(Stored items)
········
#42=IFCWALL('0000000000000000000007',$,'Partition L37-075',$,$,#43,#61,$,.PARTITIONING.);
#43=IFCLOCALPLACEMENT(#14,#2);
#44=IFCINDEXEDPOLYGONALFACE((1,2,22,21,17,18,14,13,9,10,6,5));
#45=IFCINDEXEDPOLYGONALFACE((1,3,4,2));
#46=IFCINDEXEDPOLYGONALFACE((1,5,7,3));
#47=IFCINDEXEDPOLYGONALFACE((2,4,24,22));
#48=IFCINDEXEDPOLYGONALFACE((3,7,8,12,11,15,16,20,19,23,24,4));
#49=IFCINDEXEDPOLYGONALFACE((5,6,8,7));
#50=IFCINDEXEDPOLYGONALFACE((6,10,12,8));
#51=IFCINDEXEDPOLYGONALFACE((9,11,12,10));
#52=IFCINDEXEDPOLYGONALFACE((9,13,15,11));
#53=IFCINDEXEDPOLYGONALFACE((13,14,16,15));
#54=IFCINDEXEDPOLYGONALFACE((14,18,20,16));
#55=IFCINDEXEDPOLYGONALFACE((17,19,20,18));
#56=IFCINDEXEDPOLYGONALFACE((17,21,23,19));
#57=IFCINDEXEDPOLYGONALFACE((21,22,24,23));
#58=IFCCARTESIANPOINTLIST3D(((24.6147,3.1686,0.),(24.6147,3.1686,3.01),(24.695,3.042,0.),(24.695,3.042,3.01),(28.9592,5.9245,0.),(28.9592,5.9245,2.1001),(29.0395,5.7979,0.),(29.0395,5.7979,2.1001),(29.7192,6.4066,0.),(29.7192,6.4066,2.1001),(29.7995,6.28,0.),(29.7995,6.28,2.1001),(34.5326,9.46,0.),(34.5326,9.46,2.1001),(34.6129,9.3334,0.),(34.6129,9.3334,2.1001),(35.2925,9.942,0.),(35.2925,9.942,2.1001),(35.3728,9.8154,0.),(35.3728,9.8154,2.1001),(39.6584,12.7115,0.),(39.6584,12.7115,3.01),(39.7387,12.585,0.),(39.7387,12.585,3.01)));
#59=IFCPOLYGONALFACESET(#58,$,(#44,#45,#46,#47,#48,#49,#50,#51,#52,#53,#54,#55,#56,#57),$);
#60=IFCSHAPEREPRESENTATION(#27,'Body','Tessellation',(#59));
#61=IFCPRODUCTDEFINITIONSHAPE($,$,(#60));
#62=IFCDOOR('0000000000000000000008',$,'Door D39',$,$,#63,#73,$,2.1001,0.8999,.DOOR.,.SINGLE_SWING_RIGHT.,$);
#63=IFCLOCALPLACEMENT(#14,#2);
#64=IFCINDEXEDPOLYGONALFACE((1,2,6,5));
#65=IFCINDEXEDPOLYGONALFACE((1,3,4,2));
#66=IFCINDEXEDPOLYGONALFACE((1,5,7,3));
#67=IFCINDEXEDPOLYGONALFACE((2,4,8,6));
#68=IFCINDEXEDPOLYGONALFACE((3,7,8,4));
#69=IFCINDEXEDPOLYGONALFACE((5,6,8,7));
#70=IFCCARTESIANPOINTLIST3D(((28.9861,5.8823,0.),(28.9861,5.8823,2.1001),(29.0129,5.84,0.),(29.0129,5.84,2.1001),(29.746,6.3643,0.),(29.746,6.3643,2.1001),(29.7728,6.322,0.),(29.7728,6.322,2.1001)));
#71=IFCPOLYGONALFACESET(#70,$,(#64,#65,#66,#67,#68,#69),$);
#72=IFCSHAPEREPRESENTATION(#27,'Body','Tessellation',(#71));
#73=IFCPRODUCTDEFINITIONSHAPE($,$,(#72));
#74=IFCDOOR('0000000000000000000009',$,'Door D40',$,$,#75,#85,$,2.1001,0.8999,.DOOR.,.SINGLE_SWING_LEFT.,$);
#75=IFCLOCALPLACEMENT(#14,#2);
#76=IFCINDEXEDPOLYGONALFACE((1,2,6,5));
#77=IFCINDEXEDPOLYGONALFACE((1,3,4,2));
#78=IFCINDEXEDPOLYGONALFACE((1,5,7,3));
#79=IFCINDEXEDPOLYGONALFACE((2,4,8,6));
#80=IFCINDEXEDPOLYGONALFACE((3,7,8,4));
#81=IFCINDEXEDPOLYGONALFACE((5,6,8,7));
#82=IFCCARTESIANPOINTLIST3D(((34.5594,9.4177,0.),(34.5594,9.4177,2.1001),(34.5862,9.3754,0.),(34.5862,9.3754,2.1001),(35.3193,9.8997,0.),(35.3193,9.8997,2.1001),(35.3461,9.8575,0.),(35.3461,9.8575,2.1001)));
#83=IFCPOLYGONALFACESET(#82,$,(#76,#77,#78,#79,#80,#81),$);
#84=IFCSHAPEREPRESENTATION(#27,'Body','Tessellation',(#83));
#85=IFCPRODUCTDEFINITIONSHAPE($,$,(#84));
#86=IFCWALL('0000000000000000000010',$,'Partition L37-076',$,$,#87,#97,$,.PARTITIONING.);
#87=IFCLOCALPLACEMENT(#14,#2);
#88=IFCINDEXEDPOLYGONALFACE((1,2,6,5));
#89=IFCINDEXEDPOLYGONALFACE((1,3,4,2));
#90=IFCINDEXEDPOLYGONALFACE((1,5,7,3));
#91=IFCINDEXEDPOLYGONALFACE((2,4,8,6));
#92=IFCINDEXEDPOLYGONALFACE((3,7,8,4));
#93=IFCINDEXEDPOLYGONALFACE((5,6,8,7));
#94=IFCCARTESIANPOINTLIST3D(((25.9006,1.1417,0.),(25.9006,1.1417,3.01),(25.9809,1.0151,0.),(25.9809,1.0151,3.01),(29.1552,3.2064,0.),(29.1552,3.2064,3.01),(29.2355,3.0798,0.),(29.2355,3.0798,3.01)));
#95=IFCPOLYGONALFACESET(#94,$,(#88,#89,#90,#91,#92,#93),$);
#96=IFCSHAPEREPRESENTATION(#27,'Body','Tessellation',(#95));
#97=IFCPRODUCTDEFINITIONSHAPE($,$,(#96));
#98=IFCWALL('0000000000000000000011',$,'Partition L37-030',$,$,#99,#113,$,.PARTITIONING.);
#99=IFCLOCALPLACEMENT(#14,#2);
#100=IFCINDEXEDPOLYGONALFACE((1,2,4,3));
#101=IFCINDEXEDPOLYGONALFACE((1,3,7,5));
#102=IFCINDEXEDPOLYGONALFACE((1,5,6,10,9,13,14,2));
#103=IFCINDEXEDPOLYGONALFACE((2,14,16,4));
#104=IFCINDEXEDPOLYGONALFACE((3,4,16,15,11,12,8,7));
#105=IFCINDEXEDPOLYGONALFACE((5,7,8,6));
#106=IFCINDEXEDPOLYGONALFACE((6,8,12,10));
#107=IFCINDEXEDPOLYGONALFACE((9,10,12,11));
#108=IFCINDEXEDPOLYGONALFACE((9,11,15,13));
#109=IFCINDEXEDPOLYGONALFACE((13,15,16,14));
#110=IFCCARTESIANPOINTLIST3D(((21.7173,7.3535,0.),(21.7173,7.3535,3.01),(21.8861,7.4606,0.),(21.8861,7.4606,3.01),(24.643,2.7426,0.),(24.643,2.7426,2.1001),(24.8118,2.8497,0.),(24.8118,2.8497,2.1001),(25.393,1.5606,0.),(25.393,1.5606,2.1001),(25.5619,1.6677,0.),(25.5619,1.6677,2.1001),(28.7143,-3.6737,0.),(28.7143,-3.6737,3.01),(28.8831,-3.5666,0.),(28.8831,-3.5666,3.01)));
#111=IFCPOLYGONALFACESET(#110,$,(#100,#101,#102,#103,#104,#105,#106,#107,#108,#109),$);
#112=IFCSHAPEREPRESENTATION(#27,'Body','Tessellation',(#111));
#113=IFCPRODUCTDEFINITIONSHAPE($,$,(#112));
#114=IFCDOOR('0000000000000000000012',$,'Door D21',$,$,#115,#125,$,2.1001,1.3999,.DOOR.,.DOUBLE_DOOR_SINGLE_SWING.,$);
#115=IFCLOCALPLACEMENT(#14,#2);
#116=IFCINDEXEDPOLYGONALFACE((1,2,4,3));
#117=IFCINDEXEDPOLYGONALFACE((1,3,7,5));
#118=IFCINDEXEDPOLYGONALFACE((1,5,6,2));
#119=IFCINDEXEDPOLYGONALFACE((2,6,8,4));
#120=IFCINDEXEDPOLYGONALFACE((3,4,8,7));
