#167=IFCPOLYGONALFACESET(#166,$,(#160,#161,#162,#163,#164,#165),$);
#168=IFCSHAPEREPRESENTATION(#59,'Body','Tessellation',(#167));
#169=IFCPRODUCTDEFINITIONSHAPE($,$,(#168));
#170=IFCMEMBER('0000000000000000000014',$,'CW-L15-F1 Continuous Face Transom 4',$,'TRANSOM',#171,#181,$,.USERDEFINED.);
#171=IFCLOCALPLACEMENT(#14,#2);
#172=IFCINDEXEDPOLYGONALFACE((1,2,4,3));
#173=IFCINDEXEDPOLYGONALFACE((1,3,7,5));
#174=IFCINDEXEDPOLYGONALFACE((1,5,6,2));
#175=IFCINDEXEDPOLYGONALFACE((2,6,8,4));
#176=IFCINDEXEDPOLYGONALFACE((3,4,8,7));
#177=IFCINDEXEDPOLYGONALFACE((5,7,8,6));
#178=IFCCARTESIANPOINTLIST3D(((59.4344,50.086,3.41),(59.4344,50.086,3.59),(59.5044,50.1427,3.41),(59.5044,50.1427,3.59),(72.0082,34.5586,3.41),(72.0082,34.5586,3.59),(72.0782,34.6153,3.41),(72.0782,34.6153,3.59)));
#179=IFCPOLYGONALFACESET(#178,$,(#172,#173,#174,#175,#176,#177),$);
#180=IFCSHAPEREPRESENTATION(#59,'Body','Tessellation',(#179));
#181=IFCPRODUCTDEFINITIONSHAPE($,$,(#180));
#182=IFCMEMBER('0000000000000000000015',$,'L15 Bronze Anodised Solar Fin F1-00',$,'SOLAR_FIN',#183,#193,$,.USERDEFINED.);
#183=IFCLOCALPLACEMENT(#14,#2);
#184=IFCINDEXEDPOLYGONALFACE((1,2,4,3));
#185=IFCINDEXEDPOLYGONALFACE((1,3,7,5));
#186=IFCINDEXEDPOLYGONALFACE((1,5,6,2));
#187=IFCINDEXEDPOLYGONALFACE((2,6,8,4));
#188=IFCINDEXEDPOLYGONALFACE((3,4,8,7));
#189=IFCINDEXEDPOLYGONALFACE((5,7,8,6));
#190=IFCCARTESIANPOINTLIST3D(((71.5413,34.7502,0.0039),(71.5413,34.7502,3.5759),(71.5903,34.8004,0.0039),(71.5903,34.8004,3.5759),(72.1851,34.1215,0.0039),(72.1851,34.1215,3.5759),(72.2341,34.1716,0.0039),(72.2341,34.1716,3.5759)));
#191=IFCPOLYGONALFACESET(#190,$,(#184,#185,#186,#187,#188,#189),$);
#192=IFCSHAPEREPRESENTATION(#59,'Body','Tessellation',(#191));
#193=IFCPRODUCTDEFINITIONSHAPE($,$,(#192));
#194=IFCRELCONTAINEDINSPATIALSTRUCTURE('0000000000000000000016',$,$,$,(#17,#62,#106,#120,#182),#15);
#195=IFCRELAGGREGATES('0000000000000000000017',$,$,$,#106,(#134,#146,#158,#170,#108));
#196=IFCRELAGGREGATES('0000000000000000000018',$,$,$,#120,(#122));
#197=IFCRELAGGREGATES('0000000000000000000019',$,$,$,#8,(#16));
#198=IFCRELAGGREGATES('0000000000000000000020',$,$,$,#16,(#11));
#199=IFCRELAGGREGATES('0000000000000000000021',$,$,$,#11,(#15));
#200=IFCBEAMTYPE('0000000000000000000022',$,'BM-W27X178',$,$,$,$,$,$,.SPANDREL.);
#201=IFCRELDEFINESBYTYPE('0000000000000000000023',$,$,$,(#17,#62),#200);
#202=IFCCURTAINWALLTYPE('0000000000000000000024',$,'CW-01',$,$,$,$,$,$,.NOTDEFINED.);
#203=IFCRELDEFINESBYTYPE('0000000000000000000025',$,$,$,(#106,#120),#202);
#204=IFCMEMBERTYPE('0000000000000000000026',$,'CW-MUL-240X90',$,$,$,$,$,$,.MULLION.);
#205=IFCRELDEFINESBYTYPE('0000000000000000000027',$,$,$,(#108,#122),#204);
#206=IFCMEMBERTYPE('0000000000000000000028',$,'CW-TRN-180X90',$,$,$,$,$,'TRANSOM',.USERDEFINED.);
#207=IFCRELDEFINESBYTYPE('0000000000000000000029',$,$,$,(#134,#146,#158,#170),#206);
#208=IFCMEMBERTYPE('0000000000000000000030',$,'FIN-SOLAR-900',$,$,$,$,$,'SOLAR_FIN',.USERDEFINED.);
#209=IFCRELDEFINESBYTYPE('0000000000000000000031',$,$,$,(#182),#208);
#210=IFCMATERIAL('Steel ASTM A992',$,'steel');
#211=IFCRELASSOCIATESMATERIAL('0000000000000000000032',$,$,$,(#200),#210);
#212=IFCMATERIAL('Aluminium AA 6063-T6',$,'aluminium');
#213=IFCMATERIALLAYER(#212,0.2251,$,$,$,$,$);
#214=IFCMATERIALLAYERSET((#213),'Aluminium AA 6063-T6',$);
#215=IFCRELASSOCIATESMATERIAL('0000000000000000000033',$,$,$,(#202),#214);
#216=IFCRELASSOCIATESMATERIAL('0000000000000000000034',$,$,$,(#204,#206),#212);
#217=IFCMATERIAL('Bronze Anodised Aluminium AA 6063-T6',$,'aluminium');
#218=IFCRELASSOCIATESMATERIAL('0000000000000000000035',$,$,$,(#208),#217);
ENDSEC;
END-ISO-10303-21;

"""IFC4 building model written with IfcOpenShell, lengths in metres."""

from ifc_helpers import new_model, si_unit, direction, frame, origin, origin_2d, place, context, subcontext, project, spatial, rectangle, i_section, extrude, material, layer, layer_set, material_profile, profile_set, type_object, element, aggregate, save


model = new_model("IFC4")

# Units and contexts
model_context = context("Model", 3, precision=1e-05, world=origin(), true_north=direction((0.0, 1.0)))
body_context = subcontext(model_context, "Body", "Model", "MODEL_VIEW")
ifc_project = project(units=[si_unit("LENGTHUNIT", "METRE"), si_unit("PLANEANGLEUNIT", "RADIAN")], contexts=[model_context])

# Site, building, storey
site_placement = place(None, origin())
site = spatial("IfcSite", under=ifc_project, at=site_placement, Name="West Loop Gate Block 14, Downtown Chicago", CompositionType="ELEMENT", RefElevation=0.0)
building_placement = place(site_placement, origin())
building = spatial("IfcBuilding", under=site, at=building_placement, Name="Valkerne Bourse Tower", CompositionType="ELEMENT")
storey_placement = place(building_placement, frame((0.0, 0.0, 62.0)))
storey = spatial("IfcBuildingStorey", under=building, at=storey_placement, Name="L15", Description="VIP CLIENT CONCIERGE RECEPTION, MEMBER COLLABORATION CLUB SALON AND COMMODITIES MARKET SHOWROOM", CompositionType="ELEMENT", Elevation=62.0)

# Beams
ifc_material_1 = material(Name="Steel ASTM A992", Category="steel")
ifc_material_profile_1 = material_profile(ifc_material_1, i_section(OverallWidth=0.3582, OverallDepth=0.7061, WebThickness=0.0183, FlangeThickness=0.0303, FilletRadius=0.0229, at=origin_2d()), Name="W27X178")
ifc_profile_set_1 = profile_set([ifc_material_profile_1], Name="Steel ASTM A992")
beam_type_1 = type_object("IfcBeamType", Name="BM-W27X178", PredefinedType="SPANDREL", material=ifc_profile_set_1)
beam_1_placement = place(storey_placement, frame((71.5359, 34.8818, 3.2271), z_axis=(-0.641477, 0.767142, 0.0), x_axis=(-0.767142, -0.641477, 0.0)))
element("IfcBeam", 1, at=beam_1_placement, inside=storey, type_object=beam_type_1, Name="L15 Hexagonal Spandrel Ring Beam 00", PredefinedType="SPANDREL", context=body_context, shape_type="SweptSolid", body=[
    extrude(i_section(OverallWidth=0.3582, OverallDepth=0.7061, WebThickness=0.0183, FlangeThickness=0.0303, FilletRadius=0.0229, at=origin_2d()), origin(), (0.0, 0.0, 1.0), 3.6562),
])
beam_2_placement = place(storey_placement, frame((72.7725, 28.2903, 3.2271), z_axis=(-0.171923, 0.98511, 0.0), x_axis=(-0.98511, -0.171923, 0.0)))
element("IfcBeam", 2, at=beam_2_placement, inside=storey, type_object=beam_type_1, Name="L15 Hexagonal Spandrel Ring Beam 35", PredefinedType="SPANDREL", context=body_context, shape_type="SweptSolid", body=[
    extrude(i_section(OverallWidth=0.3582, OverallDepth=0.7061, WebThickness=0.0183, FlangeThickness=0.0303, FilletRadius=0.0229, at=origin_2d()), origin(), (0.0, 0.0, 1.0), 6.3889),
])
········
▶ [Action item] Whenever the word "Anodised" shows up in a line of the entries above, copy that line.

▶ [Response to this exercise]
#182=IFCMEMBER('0000000000000000000015',$,'L15 Bronze Anodised Solar Fin F1-00',$,'SOLAR_FIN',#183,#193,$,.USERDEFINED.);
#217=IFCMATERIAL('Bronze Anodised Aluminium AA 6063-T6',$,'aluminium');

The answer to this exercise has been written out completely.